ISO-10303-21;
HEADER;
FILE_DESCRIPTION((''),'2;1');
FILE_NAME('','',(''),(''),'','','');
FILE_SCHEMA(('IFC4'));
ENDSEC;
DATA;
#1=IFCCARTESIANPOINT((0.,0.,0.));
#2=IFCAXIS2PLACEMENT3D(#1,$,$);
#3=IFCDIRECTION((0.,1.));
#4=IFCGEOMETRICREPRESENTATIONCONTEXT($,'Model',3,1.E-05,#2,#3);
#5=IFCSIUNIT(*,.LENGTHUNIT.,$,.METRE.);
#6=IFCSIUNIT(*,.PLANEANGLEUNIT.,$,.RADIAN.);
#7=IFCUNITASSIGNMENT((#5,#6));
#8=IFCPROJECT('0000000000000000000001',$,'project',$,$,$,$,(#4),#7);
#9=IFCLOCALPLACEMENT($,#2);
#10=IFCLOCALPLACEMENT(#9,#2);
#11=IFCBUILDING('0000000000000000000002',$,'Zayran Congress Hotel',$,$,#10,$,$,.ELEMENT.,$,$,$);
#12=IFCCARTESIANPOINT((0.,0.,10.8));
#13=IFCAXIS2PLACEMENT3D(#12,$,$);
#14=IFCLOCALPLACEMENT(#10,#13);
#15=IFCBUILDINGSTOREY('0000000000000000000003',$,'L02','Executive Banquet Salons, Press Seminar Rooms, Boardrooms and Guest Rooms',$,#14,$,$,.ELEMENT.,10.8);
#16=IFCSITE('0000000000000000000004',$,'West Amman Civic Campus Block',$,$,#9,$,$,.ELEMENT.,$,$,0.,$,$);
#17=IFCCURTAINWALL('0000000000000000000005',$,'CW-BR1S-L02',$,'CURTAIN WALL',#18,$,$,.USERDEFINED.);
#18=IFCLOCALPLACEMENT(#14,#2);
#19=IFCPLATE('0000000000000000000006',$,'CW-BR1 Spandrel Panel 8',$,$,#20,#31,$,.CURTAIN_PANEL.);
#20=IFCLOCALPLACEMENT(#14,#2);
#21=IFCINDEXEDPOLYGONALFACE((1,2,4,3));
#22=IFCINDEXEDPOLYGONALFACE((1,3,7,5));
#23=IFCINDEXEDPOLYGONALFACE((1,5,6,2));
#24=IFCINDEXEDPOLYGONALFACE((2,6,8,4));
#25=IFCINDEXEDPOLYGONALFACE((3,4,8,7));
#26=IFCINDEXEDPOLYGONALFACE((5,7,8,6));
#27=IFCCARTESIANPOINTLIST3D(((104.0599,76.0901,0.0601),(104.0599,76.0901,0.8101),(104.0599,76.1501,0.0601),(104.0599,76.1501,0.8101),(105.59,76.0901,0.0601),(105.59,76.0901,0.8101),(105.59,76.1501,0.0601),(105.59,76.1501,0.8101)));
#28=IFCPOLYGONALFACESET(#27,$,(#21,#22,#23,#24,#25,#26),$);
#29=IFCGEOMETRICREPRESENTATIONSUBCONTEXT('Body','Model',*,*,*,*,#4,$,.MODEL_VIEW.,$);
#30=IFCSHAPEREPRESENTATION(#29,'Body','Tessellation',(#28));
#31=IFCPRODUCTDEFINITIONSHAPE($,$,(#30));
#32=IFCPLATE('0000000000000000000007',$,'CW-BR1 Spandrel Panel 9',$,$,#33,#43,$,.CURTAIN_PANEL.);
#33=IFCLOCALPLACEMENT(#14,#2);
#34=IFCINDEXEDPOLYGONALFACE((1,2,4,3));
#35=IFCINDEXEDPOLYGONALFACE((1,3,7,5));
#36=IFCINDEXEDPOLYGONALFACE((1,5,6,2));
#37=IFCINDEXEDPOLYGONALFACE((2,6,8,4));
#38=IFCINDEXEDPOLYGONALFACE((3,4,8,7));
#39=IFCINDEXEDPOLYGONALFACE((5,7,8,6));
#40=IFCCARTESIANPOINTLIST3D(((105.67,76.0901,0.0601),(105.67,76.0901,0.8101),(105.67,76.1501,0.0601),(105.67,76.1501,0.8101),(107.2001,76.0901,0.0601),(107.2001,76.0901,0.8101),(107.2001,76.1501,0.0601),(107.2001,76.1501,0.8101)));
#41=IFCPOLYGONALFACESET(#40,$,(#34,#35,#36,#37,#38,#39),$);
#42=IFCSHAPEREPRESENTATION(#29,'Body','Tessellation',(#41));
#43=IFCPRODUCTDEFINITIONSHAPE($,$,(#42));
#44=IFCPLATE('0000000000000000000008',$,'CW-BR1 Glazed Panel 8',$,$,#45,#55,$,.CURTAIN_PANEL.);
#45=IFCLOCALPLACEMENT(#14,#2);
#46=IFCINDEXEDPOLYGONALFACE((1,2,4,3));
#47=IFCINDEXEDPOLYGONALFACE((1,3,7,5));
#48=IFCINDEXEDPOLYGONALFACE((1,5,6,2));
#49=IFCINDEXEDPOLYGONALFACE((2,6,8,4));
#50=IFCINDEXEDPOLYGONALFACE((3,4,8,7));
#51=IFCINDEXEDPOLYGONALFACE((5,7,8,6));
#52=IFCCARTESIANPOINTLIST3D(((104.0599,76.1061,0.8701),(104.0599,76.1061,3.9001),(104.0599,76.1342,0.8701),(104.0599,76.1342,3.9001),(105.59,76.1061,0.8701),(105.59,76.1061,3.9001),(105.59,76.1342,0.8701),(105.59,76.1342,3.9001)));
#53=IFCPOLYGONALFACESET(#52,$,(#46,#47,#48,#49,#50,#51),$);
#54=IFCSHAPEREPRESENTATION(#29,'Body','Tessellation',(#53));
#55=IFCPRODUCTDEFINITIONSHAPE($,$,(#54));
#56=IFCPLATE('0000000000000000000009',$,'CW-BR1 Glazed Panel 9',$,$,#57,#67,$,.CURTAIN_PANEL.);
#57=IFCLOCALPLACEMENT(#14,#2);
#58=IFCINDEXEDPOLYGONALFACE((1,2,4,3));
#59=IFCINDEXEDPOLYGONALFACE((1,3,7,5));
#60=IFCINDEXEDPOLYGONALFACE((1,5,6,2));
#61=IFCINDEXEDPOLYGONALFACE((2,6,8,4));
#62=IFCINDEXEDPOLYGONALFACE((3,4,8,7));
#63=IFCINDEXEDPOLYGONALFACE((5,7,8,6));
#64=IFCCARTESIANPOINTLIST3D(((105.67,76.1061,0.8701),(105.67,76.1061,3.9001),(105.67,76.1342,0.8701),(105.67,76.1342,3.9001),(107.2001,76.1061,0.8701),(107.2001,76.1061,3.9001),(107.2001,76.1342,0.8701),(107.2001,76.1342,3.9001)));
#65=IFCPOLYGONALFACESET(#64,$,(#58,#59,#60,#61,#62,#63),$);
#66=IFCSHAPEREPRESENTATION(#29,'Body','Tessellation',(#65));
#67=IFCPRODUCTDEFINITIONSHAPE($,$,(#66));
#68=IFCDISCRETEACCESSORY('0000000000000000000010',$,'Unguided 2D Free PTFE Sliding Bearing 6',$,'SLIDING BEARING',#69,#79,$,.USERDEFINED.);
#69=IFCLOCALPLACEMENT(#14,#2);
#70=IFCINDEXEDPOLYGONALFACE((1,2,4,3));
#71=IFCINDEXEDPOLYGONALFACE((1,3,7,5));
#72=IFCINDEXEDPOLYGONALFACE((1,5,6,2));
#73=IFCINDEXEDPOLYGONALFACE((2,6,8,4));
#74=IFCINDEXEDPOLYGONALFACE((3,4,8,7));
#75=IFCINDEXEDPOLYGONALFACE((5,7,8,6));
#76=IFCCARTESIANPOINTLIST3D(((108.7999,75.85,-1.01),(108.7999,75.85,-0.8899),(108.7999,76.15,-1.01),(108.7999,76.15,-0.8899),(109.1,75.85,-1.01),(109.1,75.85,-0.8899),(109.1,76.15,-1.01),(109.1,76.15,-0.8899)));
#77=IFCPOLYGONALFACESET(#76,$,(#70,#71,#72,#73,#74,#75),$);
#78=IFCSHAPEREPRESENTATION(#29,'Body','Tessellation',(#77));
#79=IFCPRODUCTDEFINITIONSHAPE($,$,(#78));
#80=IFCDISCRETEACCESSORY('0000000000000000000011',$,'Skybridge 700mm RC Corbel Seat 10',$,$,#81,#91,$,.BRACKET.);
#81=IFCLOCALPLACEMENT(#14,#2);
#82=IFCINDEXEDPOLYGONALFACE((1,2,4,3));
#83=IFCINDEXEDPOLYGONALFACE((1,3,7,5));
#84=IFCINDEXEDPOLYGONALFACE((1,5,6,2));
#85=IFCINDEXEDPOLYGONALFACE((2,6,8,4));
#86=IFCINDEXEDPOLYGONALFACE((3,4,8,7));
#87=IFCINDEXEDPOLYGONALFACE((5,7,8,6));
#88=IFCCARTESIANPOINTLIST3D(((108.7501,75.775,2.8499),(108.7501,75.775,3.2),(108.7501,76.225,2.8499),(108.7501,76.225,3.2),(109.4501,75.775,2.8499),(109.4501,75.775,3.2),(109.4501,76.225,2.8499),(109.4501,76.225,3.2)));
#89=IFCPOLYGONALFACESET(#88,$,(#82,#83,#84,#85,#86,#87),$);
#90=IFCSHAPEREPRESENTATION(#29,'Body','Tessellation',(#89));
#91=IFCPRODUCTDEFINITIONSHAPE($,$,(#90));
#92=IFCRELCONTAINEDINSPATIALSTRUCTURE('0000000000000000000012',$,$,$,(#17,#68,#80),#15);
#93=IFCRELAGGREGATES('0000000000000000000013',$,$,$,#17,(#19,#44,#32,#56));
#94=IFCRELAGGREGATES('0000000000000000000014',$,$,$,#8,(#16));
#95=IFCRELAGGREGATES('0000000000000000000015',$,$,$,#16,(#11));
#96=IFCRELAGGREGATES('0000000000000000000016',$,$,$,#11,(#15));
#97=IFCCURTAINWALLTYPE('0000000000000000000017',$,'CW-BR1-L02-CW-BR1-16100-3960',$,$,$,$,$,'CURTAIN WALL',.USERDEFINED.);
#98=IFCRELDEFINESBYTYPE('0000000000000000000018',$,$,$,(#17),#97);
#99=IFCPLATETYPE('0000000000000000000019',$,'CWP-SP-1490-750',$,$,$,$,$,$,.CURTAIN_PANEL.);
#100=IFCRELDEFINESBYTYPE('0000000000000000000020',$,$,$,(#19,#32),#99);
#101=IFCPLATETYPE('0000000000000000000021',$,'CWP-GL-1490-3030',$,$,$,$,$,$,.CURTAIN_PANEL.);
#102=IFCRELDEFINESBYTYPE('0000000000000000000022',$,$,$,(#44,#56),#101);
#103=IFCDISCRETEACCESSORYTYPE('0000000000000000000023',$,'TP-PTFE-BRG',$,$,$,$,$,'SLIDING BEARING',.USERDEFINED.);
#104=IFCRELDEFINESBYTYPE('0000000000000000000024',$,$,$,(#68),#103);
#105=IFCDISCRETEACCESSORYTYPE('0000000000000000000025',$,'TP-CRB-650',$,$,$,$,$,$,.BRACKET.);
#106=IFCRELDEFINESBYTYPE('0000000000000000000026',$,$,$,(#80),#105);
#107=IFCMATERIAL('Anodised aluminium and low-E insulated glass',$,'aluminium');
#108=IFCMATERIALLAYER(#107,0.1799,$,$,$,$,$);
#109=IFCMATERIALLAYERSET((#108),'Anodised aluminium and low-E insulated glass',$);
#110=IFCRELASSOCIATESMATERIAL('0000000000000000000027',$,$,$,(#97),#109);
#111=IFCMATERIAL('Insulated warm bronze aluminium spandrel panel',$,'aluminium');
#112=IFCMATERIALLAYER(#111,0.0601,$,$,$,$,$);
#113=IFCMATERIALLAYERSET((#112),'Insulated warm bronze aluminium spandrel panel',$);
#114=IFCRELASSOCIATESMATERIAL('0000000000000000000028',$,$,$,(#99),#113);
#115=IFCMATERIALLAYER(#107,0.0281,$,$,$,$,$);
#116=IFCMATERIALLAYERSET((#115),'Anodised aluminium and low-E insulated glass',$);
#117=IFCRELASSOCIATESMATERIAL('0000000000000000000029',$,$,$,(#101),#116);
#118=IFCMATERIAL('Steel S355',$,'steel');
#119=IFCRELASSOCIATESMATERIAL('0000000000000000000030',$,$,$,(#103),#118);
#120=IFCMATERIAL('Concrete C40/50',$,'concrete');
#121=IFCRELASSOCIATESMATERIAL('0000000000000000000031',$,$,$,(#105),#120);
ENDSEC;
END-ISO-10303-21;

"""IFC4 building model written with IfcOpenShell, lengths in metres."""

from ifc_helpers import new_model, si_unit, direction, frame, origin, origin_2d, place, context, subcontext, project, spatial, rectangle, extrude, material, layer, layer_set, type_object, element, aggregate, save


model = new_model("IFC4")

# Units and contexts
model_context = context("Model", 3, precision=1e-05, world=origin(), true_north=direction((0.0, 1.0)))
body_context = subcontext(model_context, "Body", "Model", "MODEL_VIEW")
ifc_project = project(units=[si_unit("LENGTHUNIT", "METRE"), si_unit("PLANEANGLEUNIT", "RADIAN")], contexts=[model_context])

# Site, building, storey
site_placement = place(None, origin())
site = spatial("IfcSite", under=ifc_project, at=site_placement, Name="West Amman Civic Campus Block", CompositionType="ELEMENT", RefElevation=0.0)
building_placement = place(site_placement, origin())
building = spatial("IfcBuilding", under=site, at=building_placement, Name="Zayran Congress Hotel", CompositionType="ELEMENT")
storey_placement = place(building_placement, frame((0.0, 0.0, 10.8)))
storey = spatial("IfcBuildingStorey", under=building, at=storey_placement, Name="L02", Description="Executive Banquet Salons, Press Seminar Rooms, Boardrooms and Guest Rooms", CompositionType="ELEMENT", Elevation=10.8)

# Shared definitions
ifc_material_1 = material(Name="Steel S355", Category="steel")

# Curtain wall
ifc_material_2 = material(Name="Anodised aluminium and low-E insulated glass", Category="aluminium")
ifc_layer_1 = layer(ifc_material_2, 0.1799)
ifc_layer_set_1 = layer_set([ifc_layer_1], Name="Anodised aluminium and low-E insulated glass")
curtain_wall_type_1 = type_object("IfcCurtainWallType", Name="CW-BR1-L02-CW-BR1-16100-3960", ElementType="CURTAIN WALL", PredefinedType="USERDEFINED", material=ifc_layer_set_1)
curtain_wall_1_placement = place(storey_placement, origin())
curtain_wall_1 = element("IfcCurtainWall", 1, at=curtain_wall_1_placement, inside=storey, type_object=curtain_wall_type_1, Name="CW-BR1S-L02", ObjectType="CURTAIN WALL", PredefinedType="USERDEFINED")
————————
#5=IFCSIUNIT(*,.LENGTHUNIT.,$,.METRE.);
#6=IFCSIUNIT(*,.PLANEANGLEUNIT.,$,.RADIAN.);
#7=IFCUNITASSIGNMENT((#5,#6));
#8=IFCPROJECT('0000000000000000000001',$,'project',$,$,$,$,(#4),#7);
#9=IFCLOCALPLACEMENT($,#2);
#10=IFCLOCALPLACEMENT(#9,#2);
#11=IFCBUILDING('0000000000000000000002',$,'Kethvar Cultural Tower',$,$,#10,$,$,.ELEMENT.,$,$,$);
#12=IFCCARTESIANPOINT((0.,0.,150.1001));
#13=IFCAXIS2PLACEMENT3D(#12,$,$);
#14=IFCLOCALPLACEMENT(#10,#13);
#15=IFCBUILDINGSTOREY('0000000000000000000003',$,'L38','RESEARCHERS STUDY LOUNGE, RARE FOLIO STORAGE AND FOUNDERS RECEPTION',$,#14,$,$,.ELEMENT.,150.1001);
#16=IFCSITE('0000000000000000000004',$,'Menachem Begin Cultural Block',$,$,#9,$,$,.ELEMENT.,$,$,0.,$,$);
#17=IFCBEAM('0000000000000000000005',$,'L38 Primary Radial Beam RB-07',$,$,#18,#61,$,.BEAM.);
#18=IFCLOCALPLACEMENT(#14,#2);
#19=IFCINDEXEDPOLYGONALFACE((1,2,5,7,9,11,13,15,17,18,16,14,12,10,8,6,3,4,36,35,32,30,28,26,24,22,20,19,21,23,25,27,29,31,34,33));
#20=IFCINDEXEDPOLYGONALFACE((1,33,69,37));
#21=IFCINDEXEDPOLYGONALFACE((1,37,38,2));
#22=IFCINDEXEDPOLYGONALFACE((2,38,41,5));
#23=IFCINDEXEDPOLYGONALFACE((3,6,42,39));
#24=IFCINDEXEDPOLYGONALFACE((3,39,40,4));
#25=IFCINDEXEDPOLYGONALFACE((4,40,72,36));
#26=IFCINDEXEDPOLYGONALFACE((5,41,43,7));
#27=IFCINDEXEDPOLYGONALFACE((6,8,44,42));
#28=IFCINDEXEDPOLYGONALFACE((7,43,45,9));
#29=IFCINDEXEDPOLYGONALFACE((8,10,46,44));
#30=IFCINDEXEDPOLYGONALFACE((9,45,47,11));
————————
▶ What you should do
Starting with the line above that holds "#45=IFCLOCALPLACEMENT(#14,#2);" and stopping with the line that holds "#51=IFCINDEXEDPOLYGONALFACE((5,7,8,6));", reproduce each line exactly, omitting all other lines.

▶ Answer to this problem
#45=IFCLOCALPLACEMENT(#14,#2);
#46=IFCINDEXEDPOLYGONALFACE((1,2,4,3));
#47=IFCINDEXEDPOLYGONALFACE((1,3,7,5));
#48=IFCINDEXEDPOLYGONALFACE((1,5,6,2));
#49=IFCINDEXEDPOLYGONALFACE((2,6,8,4));
#50=IFCINDEXEDPOLYGONALFACE((3,4,8,7));
#51=IFCINDEXEDPOLYGONALFACE((5,7,8,6));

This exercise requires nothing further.